Collected data entries
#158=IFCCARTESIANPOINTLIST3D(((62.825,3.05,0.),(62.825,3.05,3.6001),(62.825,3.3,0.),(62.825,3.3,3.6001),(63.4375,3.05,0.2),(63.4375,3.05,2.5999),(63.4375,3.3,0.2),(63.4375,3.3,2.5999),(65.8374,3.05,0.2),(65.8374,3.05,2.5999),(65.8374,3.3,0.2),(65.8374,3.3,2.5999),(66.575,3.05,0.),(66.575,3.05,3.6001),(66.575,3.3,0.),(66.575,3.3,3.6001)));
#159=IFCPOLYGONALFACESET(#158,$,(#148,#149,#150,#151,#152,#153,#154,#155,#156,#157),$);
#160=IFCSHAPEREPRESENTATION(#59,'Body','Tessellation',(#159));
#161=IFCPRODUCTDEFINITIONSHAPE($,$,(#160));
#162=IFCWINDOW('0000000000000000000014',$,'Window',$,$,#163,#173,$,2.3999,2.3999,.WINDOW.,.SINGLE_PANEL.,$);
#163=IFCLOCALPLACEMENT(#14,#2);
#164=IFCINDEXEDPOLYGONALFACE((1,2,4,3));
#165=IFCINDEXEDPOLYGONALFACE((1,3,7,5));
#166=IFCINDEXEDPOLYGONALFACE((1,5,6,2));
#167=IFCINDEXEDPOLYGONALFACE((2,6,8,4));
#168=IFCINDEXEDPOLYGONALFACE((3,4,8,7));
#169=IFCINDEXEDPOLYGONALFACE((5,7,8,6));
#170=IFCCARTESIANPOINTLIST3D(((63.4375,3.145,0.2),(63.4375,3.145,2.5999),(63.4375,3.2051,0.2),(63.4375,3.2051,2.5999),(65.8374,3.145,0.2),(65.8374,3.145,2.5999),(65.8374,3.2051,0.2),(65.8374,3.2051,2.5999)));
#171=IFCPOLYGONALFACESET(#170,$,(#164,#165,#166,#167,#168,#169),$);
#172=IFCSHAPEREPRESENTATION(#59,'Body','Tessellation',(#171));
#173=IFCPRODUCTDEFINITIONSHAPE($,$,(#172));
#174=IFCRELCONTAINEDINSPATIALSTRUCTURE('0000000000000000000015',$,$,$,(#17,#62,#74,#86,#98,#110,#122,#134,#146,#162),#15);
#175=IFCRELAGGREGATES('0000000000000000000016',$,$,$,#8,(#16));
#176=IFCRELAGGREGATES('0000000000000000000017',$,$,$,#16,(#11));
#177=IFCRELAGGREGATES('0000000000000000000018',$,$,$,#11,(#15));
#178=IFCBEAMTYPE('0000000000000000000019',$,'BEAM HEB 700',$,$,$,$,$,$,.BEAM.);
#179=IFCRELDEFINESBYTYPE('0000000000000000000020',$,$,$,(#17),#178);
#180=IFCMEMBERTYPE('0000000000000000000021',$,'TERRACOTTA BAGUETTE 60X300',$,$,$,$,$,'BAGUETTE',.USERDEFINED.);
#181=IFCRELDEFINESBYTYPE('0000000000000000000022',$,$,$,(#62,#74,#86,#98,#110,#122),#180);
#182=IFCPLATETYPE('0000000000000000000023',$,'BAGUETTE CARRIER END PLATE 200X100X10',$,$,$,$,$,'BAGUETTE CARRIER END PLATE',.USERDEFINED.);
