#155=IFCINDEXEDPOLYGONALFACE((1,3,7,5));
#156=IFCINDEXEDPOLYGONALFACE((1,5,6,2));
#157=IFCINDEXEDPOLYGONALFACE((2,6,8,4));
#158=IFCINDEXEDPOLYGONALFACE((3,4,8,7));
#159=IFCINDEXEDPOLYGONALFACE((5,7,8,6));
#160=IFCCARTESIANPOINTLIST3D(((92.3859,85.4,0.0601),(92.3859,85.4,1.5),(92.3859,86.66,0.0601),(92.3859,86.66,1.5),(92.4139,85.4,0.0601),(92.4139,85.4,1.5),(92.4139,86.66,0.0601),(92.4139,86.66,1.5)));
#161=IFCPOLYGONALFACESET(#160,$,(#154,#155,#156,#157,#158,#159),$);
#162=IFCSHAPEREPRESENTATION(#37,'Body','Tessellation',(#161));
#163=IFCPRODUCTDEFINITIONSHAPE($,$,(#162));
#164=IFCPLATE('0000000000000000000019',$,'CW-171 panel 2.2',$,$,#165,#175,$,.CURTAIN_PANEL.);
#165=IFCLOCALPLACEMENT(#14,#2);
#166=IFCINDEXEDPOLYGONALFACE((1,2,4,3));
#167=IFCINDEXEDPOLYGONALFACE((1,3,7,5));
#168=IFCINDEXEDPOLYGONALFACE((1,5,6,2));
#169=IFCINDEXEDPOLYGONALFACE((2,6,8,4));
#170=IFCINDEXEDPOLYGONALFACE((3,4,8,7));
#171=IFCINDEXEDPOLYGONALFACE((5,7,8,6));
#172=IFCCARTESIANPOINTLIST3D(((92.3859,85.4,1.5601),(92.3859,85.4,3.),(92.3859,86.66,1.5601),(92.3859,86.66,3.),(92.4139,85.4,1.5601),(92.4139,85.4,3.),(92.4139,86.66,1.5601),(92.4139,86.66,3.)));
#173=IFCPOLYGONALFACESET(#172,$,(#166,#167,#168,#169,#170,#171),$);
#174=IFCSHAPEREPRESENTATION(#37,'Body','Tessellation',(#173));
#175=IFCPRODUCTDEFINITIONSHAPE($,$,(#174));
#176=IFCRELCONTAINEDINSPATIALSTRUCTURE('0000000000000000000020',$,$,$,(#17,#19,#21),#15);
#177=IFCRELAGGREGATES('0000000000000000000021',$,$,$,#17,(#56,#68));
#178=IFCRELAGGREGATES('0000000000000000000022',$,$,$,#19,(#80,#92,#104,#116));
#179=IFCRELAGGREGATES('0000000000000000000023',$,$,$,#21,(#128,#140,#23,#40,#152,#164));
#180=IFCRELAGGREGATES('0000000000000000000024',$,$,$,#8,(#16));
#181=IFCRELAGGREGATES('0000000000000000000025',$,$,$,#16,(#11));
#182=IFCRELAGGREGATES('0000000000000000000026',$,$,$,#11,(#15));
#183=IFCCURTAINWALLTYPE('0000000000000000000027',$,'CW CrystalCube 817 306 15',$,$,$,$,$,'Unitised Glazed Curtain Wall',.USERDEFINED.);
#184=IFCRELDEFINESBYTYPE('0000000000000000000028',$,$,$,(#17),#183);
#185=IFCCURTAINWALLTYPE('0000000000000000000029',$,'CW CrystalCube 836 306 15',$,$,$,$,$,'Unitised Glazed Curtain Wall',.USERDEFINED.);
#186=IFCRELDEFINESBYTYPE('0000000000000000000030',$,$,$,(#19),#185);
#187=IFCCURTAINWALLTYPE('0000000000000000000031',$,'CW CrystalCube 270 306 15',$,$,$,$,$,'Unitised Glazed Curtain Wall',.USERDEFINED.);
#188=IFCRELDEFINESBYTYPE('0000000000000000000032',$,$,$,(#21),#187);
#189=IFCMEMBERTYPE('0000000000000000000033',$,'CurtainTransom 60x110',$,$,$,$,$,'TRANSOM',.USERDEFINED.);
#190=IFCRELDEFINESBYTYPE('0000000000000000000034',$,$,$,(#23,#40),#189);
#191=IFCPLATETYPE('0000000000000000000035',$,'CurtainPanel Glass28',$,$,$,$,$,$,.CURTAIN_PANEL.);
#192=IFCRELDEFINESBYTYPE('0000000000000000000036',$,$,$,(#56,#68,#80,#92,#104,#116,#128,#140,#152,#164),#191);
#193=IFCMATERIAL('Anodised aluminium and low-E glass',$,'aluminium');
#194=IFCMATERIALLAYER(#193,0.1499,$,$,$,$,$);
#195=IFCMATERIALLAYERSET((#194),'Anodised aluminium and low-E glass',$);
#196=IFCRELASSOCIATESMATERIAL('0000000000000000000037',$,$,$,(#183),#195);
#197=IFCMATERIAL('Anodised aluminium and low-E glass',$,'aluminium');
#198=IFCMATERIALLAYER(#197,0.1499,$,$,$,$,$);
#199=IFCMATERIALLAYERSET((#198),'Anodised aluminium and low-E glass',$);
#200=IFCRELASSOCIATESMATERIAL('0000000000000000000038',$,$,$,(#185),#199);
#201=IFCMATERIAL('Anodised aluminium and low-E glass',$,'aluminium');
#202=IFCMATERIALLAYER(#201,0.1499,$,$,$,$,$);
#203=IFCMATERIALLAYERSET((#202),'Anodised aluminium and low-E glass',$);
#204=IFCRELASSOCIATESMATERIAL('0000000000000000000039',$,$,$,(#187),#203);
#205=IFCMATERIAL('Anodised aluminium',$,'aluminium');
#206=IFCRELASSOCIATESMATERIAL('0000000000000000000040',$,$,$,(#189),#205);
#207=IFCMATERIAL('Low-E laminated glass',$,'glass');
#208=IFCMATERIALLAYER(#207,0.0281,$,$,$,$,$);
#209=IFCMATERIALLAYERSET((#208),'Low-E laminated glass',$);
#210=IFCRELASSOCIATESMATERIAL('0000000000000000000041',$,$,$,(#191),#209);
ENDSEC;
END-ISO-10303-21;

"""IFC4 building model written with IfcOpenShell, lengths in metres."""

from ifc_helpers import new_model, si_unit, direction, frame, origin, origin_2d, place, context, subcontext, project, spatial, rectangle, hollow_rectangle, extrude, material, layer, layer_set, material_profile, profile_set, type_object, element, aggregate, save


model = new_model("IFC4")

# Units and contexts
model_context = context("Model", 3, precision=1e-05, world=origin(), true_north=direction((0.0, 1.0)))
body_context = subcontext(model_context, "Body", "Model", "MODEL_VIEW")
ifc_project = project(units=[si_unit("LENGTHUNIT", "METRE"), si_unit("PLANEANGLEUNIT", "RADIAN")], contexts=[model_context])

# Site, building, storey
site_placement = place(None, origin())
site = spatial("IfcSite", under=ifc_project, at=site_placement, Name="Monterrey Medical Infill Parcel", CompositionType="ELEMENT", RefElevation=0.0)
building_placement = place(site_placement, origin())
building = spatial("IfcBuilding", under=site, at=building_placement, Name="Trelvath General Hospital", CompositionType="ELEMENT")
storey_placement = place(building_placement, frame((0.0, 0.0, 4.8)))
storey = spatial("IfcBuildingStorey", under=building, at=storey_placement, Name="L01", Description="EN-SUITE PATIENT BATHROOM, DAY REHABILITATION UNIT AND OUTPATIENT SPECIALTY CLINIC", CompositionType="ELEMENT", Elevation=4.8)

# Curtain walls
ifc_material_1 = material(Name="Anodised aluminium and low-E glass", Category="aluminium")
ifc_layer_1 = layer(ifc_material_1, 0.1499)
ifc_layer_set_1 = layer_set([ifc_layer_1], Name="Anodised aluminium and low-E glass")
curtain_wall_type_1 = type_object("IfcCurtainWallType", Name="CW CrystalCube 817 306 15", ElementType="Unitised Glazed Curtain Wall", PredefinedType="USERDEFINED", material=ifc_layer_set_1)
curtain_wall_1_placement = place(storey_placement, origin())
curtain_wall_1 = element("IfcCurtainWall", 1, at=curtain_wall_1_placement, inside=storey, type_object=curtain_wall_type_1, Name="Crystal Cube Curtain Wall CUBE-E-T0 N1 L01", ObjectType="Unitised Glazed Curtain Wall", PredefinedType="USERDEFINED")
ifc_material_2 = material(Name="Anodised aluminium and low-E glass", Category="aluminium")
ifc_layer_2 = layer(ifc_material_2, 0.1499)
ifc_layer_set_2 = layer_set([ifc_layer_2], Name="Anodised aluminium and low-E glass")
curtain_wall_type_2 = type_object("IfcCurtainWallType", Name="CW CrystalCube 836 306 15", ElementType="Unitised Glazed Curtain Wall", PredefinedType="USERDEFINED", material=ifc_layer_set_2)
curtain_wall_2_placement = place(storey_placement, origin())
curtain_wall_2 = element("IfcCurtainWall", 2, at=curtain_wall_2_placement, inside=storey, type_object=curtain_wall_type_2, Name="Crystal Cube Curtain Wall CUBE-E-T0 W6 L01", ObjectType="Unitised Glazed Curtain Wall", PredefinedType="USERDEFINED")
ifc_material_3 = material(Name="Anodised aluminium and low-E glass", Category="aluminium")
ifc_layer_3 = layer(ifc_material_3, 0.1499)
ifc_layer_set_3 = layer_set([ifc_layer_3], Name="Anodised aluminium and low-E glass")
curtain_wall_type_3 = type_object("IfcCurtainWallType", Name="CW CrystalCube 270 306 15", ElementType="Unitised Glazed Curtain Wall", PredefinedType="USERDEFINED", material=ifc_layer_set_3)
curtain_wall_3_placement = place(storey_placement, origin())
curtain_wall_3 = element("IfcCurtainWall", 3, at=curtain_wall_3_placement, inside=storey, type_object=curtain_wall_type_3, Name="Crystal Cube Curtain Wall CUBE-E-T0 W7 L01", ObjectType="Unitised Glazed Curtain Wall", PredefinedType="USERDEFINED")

Try it
Nothing but lines that contain "subcontext" should appear in the answer. Copy each from the records.

Answer section
from ifc_helpers import new_model, si_unit, direction, frame, origin, origin_2d, place, context, subcontext, project, spatial, rectangle, hollow_rectangle, extrude, material, layer, layer_set, material_profile, profile_set, type_object, element, aggregate, save
body_context = subcontext(model_context, "Body", "Model", "MODEL_VIEW")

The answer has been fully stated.